>>>>

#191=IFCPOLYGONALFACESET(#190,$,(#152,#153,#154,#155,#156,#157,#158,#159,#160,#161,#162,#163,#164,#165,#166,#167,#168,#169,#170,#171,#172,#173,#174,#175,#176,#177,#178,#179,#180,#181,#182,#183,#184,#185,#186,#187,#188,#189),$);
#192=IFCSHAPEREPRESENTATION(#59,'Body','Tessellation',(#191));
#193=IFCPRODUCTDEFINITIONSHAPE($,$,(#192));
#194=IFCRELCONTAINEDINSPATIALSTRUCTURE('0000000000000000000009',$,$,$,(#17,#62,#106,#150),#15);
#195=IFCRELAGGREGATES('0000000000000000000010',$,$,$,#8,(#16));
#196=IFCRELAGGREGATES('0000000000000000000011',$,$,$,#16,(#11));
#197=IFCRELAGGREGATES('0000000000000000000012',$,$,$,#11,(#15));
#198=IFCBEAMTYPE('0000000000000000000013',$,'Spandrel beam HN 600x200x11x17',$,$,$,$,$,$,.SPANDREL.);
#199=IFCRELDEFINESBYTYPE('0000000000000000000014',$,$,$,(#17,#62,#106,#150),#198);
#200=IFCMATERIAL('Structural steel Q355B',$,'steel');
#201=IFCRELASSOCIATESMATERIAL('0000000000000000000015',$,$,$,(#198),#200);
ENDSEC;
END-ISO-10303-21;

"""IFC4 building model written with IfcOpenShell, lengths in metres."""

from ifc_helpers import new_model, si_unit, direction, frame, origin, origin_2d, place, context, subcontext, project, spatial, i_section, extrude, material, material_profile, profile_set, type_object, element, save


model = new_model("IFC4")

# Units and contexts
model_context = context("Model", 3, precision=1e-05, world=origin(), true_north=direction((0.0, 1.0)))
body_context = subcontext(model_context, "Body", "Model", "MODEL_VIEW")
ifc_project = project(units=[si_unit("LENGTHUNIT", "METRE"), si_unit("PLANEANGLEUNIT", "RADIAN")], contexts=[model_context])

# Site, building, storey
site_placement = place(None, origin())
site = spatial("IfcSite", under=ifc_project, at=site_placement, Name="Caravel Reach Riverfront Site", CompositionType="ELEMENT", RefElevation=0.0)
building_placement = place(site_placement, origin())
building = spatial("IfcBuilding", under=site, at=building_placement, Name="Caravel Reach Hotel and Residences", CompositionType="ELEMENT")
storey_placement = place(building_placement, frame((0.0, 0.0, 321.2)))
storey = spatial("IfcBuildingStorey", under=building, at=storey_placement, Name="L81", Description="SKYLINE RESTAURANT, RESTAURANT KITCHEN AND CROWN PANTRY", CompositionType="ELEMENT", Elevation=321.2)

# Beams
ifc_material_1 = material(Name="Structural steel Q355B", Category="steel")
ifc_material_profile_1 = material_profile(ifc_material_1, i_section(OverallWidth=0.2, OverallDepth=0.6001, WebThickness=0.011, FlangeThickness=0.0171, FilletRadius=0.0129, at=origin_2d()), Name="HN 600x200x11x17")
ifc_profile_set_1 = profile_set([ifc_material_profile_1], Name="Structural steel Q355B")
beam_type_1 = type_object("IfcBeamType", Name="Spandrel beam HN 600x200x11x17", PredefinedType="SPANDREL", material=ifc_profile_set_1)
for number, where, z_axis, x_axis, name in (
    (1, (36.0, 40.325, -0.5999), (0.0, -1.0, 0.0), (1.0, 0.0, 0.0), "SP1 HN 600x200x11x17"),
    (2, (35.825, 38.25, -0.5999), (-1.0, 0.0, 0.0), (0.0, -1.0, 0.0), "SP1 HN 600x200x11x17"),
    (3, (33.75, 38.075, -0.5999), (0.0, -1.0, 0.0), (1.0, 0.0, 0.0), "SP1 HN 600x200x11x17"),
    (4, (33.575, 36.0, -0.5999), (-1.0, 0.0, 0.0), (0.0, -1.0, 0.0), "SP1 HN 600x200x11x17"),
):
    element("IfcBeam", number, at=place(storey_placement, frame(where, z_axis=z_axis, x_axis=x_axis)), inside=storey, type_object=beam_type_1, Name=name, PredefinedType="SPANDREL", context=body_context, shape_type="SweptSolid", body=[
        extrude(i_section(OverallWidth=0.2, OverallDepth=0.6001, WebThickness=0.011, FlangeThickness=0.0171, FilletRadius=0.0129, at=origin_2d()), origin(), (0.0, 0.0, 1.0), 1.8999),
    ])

<<<<

** What is needed **
Pull out every line in the material above where "contexts" occurs.

** Answer to this task **
# Units and contexts
ifc_project = project(units=[si_unit("LENGTHUNIT", "METRE"), si_unit("PLANEANGLEUNIT", "RADIAN")], contexts=[model_context])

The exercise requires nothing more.